WORK TO COMPLETE:
Within the listing below, the lines to output run from the one containing "#154=IFCINDEXEDPOLYGONALFACE((15,16,20,19));" through the one containing "#162=IFCINDEXEDPOLYGONALFACE((31,32,36,35));"; copy them exactly and nothing else.
+++ PROVIDED DATA
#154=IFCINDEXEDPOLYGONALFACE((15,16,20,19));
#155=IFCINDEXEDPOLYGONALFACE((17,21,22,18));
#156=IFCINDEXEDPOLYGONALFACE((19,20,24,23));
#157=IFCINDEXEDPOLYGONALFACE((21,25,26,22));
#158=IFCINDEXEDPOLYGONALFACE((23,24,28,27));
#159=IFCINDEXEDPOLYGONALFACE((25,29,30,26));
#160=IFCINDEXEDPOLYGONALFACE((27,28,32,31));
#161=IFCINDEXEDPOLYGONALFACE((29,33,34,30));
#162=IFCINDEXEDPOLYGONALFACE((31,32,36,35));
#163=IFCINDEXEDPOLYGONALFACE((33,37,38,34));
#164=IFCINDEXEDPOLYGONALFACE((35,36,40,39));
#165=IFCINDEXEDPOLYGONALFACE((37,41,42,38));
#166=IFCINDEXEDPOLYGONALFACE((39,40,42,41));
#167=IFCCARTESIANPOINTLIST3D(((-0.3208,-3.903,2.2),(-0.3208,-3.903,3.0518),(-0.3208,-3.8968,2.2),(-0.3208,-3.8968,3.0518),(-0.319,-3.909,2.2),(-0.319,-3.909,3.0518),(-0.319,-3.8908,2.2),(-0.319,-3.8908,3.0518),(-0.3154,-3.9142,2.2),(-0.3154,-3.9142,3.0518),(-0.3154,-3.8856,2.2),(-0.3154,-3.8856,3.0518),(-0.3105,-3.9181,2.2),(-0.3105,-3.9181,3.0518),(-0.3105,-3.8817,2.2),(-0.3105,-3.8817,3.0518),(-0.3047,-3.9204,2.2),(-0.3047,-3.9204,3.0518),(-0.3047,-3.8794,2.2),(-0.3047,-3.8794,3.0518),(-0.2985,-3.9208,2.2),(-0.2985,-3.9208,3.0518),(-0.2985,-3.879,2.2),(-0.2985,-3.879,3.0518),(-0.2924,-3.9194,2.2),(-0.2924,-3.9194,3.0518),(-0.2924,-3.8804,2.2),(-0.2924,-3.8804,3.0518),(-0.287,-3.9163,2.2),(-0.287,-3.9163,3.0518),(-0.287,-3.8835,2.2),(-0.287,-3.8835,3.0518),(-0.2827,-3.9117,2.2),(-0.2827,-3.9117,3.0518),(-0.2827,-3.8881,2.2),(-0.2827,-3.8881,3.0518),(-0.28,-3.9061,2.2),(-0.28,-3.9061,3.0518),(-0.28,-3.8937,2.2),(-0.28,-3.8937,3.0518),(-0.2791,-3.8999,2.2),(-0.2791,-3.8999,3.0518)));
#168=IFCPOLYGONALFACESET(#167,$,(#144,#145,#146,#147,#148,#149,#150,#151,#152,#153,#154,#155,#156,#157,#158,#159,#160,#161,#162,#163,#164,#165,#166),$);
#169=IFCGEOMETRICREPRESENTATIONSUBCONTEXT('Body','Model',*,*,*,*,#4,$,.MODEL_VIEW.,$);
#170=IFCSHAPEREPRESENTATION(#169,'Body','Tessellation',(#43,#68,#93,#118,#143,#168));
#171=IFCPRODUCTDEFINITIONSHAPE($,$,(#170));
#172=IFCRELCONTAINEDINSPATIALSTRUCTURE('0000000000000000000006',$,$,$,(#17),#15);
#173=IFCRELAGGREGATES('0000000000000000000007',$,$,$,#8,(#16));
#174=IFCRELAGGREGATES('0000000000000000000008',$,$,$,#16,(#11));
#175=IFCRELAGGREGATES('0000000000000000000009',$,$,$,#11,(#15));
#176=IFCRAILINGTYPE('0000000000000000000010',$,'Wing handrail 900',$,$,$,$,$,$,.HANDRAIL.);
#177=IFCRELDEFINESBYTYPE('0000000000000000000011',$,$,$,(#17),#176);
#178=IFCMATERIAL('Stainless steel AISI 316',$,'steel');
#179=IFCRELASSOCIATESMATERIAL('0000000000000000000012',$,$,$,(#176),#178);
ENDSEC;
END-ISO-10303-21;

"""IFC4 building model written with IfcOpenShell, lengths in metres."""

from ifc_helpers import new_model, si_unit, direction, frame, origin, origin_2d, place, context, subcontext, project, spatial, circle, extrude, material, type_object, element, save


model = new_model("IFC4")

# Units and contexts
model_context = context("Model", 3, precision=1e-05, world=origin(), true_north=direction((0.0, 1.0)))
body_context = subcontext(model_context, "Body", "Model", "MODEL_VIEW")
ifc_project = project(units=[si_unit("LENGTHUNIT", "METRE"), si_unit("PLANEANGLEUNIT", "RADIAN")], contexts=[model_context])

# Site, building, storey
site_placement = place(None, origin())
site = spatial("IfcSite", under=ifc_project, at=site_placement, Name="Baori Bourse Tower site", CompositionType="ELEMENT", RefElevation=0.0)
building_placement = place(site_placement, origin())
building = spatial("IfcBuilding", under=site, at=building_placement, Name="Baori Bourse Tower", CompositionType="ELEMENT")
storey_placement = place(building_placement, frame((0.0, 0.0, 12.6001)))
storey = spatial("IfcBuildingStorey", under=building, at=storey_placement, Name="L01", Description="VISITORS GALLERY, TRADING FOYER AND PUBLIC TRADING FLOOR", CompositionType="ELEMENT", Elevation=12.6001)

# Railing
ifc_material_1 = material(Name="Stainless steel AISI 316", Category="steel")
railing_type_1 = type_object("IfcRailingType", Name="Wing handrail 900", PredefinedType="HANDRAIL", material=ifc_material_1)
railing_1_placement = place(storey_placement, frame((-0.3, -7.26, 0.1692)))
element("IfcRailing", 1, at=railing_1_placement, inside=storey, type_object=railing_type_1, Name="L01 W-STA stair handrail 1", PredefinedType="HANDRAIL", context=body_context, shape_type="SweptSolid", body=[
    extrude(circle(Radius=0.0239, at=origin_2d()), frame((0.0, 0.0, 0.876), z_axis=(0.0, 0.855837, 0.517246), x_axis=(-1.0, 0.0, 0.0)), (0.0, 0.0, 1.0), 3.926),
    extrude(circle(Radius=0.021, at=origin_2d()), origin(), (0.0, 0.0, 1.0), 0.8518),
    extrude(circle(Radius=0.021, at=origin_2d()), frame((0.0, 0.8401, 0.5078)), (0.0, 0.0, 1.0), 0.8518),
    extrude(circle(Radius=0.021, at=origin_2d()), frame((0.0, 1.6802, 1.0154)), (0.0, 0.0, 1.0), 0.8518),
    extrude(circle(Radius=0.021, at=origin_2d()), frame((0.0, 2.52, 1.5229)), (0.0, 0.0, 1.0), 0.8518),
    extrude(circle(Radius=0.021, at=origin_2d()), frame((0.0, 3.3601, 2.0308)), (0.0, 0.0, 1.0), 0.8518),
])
++++++
+++ PROVIDED DATA
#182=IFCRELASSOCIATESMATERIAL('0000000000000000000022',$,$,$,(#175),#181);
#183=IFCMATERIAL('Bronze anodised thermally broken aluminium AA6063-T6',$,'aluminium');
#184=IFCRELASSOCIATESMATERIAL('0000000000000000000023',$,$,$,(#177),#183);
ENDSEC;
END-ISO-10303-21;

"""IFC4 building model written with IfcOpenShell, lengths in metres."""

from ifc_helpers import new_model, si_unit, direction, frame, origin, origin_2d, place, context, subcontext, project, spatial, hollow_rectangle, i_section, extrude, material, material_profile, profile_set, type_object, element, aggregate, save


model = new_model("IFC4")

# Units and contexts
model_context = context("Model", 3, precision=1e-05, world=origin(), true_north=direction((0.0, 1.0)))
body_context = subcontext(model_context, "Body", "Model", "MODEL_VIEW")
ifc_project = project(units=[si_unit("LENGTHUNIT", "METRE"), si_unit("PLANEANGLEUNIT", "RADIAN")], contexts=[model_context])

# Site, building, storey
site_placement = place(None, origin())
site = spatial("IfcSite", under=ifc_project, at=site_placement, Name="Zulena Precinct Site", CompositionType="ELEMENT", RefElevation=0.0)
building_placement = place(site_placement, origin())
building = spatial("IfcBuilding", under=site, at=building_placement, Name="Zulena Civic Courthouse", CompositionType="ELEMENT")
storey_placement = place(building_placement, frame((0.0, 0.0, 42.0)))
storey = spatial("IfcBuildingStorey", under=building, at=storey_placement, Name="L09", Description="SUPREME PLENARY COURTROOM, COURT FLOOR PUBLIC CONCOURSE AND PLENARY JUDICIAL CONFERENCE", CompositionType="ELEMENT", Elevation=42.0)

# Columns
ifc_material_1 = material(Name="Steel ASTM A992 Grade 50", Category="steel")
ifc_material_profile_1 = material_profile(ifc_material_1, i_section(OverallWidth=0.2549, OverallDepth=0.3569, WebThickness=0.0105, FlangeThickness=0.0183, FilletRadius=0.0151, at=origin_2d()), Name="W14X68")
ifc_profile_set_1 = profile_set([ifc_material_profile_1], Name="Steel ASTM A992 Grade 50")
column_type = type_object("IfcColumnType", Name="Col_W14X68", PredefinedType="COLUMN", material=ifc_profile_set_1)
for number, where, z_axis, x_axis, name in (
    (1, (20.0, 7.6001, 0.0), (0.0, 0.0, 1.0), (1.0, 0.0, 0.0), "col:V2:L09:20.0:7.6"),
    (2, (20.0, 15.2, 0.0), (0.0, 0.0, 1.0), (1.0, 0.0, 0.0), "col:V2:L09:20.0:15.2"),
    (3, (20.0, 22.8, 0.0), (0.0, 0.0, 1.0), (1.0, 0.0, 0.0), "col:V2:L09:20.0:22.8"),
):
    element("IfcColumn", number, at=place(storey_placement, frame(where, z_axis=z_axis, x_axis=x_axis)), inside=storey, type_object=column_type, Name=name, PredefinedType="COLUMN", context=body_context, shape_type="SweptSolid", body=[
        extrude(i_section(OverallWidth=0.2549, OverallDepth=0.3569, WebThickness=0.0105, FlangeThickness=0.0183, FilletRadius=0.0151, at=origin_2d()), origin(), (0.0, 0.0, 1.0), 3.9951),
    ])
++++++
EXERCISE OUTPUT:
#154=IFCINDEXEDPOLYGONALFACE((15,16,20,19));
#155=IFCINDEXEDPOLYGONALFACE((17,21,22,18));
#156=IFCINDEXEDPOLYGONALFACE((19,20,24,23));
#157=IFCINDEXEDPOLYGONALFACE((21,25,26,22));
#158=IFCINDEXEDPOLYGONALFACE((23,24,28,27));
#159=IFCINDEXEDPOLYGONALFACE((25,29,30,26));
#160=IFCINDEXEDPOLYGONALFACE((27,28,32,31));
#161=IFCINDEXEDPOLYGONALFACE((29,33,34,30));
#162=IFCINDEXEDPOLYGONALFACE((31,32,36,35));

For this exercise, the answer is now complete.